*Required action*:
Copying exactly, give the lines in the material below from the one with "#61=IFCINDEXEDPOLYGONALFACE((79,83,84,80));" to the one with "#179=IFCINDEXEDPOLYGONALFACE((13,15,16,14));", ends included, and nothing besides.

::::::::::

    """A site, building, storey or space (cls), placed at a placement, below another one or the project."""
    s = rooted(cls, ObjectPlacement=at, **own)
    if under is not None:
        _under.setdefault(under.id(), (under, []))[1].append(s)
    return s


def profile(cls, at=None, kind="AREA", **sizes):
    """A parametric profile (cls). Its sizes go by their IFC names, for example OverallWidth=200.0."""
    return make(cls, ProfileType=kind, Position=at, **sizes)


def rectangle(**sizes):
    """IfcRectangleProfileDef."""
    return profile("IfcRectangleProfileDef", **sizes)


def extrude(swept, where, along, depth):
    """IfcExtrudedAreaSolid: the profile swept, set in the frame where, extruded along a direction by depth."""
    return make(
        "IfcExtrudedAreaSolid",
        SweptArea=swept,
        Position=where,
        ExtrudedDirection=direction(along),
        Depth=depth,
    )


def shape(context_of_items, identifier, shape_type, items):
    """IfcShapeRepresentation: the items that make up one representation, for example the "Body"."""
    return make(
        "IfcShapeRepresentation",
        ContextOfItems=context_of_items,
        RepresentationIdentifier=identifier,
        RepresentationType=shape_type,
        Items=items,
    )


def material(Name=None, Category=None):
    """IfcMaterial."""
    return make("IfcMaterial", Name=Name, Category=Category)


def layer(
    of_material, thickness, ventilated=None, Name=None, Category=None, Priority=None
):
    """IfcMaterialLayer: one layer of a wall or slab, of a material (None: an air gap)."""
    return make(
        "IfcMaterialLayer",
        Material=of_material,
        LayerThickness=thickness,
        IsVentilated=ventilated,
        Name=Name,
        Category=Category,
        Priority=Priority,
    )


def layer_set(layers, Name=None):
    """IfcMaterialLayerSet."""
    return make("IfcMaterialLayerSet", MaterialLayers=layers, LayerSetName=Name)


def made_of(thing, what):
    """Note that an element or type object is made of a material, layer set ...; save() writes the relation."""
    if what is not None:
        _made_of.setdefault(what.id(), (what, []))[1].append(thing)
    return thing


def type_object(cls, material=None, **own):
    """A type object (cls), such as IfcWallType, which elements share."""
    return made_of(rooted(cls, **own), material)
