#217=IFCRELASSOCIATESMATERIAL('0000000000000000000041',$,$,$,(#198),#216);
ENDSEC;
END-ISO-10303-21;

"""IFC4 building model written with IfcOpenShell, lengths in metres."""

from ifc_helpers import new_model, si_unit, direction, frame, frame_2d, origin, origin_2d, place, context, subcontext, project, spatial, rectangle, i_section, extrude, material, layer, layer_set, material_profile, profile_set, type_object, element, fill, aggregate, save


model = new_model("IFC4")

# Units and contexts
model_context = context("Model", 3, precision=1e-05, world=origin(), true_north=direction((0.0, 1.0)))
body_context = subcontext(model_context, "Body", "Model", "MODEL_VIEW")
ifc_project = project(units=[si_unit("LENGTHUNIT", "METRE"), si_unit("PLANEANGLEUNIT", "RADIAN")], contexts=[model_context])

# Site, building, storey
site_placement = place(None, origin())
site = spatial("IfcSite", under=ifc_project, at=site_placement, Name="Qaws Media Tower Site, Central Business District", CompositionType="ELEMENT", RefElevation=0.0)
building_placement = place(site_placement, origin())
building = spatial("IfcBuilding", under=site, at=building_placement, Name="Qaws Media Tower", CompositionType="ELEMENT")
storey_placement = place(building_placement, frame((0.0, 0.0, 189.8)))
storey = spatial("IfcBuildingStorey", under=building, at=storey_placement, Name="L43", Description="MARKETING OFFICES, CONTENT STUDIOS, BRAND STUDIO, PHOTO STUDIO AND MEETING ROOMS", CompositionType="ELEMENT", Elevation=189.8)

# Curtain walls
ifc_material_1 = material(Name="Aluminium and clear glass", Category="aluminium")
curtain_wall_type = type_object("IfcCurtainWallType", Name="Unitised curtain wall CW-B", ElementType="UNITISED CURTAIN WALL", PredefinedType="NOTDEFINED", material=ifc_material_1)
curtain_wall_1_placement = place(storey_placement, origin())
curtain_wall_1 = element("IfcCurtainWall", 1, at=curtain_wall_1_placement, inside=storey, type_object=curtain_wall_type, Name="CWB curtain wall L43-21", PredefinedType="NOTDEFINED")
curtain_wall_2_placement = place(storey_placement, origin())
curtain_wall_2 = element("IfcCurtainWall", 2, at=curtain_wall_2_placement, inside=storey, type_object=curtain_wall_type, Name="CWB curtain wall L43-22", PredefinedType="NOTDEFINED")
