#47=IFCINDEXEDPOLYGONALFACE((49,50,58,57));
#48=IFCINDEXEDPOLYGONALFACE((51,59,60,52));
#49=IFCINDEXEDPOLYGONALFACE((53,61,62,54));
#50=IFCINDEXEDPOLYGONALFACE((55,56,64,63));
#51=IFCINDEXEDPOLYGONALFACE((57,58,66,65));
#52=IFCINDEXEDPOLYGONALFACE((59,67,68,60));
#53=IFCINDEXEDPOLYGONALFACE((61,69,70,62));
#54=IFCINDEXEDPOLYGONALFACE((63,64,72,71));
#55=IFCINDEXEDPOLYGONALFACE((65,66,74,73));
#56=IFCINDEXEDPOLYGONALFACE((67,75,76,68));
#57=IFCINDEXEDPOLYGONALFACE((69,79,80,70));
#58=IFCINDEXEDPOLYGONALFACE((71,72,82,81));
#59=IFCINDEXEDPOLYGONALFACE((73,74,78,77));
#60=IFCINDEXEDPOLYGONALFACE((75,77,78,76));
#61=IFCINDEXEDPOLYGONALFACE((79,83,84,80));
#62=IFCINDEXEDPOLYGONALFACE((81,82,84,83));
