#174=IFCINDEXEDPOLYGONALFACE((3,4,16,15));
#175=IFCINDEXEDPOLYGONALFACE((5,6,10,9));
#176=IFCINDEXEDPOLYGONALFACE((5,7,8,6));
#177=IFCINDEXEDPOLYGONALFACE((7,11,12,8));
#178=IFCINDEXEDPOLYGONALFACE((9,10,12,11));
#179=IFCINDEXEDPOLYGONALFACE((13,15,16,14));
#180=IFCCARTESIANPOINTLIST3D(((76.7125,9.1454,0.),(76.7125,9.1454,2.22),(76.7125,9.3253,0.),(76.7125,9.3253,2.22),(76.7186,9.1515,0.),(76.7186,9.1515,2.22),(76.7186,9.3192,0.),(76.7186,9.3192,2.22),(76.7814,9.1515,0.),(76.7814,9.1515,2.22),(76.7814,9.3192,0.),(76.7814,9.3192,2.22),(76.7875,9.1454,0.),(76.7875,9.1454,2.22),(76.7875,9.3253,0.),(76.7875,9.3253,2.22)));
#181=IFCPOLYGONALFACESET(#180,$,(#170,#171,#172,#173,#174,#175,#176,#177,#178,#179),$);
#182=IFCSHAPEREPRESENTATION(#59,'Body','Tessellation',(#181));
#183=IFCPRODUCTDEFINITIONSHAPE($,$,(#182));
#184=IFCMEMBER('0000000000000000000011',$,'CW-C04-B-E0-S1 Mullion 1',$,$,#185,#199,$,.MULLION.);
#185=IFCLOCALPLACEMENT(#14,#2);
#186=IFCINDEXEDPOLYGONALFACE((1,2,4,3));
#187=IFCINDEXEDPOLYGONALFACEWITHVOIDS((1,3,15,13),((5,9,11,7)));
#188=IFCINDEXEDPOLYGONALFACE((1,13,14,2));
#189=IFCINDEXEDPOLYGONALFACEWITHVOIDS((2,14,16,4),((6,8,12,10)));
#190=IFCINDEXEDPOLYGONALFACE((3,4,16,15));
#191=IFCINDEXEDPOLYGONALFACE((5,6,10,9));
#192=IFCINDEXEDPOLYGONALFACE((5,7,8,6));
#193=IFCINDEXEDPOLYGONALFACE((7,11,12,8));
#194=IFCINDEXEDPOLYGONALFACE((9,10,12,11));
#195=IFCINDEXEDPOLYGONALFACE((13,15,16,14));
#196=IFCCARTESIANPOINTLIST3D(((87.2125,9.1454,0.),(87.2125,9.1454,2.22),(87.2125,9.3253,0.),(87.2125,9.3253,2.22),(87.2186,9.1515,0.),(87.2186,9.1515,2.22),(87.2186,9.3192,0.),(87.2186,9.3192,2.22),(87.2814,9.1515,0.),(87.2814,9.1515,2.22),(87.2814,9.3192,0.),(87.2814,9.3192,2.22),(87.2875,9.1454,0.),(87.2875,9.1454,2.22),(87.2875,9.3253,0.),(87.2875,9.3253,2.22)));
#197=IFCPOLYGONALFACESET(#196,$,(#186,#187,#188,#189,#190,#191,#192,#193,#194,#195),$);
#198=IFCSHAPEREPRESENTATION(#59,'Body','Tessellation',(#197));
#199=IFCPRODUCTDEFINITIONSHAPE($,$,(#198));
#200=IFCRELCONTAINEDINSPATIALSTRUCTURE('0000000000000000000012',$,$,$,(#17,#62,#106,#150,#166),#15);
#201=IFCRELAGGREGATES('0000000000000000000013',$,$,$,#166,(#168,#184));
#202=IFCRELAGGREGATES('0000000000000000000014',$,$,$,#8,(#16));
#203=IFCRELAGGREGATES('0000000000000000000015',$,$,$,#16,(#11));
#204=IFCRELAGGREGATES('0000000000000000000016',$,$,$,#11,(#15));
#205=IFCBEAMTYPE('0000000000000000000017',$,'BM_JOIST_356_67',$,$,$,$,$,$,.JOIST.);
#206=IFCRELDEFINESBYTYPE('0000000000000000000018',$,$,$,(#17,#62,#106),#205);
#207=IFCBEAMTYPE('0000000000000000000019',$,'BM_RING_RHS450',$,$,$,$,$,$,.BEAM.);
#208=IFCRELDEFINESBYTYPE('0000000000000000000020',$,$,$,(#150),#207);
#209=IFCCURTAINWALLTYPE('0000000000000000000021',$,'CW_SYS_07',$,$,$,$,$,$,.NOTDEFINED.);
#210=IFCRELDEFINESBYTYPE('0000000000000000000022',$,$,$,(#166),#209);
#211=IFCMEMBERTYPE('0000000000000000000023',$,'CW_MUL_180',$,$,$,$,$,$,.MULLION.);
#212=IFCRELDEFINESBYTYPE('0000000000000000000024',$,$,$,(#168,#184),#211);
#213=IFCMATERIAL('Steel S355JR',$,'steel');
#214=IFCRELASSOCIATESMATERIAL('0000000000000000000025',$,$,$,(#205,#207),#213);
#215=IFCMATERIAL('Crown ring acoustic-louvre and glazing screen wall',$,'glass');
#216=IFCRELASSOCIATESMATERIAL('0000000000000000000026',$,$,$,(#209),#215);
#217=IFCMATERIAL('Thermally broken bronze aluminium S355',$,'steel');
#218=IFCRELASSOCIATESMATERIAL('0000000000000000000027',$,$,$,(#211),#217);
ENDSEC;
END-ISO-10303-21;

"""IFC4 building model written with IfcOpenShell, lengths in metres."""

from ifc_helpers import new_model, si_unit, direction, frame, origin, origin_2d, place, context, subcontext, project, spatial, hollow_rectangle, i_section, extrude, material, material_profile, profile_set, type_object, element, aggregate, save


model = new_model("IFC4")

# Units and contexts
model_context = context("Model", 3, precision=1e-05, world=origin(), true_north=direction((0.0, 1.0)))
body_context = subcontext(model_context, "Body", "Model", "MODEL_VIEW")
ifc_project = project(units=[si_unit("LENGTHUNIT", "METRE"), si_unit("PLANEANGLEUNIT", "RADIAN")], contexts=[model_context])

::::::::::

*Task solution*:
#61=IFCINDEXEDPOLYGONALFACE((79,83,84,80));
#62=IFCINDEXEDPOLYGONALFACE((81,82,84,83));
#174=IFCINDEXEDPOLYGONALFACE((3,4,16,15));
#175=IFCINDEXEDPOLYGONALFACE((5,6,10,9));
#176=IFCINDEXEDPOLYGONALFACE((5,7,8,6));
#177=IFCINDEXEDPOLYGONALFACE((7,11,12,8));
#178=IFCINDEXEDPOLYGONALFACE((9,10,12,11));
#179=IFCINDEXEDPOLYGONALFACE((13,15,16,14));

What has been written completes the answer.